INSTRUCTIONS TO FOLLOW —
In the data below, find each line containing the string "MappedRepresentation" and return it.

::: RECORDED INFORMATION :::

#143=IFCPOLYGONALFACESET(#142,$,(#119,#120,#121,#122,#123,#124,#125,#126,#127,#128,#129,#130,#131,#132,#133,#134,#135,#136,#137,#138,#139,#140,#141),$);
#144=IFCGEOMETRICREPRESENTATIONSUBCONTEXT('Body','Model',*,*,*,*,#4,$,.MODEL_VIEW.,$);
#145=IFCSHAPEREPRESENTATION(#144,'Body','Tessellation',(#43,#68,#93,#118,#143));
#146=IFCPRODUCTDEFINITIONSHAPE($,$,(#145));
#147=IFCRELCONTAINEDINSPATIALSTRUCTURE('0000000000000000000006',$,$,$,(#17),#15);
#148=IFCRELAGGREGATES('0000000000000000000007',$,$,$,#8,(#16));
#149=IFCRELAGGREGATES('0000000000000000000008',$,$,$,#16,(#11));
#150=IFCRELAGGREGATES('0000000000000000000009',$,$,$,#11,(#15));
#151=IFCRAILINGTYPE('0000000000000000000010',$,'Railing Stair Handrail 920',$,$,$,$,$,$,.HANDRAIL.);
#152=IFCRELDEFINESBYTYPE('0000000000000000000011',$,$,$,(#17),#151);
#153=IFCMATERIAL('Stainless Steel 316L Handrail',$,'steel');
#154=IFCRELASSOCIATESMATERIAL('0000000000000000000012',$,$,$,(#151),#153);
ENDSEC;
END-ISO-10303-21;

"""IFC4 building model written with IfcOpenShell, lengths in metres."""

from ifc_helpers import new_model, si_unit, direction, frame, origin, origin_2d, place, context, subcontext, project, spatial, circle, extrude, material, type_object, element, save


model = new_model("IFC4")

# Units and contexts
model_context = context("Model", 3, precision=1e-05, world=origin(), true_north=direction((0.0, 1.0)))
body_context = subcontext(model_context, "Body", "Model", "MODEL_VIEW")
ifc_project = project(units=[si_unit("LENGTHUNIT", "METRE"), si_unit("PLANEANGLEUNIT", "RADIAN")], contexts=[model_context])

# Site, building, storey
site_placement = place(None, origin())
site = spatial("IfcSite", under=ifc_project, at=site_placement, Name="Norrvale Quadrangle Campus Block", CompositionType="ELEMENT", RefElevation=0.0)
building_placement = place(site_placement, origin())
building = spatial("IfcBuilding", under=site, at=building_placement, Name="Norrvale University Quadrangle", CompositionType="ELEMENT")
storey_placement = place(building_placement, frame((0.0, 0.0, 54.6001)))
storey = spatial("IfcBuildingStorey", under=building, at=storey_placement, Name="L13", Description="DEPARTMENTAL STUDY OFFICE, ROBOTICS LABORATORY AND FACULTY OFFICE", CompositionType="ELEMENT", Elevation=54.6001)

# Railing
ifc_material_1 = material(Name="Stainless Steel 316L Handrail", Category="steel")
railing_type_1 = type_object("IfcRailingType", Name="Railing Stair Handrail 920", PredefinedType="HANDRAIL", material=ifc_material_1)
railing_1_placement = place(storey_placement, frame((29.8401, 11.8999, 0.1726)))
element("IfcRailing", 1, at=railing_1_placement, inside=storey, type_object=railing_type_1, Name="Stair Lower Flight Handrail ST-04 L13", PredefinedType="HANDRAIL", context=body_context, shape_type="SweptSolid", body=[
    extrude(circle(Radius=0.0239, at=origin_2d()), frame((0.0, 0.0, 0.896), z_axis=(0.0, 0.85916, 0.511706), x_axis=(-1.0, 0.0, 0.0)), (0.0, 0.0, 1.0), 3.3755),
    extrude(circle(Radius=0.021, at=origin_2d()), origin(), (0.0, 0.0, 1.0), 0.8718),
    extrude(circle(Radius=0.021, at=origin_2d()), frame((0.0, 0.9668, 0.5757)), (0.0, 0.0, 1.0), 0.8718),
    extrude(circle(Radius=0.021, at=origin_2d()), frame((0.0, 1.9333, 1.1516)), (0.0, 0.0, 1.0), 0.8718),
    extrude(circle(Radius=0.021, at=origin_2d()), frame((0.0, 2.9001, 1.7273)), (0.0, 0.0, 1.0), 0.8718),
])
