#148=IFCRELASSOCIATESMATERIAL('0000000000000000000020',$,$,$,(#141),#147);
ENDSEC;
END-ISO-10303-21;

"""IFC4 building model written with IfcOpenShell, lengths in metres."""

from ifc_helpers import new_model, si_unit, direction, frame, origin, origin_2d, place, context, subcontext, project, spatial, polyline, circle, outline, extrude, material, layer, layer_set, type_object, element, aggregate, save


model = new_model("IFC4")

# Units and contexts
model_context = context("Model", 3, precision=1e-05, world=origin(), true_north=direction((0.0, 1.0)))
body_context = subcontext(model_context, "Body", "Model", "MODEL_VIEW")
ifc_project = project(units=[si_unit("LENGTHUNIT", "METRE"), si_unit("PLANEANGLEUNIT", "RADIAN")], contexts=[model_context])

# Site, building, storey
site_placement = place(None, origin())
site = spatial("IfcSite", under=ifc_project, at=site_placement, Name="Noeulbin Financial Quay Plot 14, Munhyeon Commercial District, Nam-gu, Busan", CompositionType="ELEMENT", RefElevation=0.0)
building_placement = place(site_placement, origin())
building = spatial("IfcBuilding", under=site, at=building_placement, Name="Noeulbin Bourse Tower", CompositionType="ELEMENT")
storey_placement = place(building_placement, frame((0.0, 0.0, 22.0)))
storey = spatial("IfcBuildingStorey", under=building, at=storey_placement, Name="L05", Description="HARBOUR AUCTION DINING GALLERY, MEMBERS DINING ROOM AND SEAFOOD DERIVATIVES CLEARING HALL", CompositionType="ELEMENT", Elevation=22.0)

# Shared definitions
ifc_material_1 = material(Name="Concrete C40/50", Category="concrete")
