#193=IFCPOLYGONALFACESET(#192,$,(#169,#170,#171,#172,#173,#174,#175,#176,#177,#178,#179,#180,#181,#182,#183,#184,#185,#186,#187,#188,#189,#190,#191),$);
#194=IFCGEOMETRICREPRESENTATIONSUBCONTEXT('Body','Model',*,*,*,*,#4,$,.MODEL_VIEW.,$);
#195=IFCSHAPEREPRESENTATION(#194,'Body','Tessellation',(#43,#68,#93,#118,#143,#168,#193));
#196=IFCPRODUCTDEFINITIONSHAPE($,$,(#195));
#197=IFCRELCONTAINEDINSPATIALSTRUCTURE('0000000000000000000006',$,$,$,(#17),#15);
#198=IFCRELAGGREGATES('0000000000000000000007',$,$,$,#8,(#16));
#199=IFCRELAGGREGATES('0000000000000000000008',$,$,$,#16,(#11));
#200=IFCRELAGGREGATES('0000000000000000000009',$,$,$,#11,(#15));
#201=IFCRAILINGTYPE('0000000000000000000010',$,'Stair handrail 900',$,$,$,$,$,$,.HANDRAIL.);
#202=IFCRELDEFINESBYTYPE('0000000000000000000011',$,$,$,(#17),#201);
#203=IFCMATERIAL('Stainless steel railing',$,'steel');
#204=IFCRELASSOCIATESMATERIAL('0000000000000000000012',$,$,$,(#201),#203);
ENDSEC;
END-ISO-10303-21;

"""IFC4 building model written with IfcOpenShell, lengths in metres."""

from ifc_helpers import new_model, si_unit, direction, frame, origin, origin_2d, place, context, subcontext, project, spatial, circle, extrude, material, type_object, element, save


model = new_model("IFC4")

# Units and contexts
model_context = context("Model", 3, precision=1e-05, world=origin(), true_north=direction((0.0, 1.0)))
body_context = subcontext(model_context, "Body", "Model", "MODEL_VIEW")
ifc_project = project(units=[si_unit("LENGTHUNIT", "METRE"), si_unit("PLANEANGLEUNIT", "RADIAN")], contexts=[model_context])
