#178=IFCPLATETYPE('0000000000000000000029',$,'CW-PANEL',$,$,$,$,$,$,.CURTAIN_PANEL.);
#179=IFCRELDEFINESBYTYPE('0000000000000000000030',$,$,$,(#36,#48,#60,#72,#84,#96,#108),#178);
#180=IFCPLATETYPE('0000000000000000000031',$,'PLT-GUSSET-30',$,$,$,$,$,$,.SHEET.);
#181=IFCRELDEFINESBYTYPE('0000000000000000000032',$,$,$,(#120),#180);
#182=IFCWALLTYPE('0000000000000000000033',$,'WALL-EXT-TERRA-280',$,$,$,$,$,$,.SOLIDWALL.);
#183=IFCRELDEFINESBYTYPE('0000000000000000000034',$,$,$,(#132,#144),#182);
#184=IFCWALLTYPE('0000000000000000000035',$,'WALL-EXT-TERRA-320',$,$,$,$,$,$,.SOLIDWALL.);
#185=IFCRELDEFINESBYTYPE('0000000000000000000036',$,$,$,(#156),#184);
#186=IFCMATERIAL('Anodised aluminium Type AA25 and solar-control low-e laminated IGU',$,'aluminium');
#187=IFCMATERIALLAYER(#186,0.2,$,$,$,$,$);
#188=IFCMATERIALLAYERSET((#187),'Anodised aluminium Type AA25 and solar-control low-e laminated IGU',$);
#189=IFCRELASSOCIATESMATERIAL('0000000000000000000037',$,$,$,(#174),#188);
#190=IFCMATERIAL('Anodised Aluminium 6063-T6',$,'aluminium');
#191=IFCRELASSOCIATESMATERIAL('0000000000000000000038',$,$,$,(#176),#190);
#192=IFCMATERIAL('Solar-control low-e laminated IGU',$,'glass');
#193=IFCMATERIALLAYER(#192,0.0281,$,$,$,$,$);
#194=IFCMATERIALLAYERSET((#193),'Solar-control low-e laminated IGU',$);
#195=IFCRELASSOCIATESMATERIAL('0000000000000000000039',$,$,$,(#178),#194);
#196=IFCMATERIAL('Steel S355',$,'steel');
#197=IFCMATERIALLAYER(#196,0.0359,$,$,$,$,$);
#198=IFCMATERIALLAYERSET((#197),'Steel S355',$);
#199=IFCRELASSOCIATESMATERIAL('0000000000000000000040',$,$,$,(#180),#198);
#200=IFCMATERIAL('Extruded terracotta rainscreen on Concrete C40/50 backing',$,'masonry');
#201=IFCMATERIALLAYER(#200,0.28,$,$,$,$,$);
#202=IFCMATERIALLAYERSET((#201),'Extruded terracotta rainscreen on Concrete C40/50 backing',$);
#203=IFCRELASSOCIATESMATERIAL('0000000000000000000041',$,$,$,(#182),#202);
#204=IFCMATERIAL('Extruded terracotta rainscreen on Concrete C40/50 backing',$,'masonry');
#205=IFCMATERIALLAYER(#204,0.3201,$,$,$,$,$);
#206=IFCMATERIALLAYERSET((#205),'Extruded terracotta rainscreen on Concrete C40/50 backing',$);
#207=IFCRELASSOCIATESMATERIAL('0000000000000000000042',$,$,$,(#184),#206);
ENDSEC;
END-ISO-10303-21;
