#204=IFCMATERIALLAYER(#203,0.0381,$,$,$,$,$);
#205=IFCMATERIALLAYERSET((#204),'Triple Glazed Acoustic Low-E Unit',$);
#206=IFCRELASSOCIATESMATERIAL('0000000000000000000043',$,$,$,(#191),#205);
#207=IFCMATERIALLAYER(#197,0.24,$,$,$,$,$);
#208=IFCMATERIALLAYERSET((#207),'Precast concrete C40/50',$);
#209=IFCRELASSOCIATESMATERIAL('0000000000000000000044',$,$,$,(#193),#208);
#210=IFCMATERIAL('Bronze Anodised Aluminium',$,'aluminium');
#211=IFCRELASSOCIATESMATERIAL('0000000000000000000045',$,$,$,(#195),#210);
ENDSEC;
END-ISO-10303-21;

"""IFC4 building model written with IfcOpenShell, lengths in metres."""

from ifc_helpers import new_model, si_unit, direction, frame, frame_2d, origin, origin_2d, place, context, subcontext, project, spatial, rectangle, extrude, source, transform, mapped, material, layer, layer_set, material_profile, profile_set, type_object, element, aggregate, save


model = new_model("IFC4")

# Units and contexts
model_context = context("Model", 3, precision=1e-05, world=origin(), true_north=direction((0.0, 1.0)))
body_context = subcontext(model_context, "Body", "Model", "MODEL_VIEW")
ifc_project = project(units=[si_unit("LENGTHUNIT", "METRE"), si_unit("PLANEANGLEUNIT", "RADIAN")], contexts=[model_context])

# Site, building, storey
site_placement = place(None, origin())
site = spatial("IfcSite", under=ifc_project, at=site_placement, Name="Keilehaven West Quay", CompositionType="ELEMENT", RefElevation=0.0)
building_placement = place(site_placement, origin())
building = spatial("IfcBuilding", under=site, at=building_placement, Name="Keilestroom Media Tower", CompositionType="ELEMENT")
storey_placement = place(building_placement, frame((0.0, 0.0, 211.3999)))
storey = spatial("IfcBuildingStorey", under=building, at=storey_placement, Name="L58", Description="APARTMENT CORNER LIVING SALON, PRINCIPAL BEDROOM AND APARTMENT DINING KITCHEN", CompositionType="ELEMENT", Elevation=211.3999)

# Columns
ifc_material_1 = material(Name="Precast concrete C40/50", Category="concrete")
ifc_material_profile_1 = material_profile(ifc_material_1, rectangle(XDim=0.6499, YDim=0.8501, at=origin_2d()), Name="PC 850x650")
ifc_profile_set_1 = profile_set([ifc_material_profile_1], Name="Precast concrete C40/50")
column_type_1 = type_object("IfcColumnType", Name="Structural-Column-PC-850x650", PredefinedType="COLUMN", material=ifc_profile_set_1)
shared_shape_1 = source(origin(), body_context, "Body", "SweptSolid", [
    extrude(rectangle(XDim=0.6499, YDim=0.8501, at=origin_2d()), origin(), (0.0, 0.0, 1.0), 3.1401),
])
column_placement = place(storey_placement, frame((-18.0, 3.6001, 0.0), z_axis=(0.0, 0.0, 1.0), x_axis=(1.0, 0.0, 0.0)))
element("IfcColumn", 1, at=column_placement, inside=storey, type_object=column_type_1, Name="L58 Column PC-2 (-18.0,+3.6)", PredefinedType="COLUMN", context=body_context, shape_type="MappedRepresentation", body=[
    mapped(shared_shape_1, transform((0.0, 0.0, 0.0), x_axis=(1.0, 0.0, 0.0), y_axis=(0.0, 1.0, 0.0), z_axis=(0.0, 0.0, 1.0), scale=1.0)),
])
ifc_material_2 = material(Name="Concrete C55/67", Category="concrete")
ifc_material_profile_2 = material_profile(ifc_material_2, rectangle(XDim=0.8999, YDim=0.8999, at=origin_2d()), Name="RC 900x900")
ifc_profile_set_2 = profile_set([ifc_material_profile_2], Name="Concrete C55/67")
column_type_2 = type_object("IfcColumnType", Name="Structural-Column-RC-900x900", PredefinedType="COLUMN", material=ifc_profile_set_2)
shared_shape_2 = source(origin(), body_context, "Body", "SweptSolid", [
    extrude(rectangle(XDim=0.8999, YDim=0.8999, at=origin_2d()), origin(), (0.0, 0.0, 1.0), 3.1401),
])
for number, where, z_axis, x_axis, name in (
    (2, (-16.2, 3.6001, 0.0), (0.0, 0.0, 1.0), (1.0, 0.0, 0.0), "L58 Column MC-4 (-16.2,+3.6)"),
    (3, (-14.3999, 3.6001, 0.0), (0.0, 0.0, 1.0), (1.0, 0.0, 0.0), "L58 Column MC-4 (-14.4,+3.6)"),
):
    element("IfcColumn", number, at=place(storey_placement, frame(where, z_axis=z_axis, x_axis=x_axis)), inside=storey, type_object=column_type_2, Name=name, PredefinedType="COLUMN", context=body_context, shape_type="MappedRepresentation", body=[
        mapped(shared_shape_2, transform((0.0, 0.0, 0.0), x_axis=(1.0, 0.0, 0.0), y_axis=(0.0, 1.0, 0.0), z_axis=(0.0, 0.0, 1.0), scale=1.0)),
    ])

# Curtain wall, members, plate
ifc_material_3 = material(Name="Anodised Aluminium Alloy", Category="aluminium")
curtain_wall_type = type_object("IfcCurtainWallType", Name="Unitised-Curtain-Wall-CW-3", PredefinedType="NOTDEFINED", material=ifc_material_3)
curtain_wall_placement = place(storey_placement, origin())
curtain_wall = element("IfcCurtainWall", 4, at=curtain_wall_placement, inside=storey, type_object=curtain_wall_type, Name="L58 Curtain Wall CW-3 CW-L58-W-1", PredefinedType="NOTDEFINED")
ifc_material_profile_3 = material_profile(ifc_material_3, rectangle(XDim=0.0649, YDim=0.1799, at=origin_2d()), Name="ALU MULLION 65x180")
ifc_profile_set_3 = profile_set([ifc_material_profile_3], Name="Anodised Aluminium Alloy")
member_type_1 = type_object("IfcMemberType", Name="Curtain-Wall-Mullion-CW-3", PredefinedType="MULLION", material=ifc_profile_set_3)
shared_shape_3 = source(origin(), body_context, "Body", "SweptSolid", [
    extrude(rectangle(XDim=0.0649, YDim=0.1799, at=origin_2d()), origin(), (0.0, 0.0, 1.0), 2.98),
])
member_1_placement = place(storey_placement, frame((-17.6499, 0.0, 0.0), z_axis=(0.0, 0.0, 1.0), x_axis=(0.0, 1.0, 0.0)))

:::

RESPONSE TO THE EXERCISE —
element("IfcColumn", 1, at=column_placement, inside=storey, type_object=column_type_1, Name="L58 Column PC-2 (-18.0,+3.6)", PredefinedType="COLUMN", context=body_context, shape_type="MappedRepresentation", body=[
    element("IfcColumn", number, at=place(storey_placement, frame(where, z_axis=z_axis, x_axis=x_axis)), inside=storey, type_object=column_type_2, Name=name, PredefinedType="COLUMN", context=body_context, shape_type="MappedRepresentation", body=[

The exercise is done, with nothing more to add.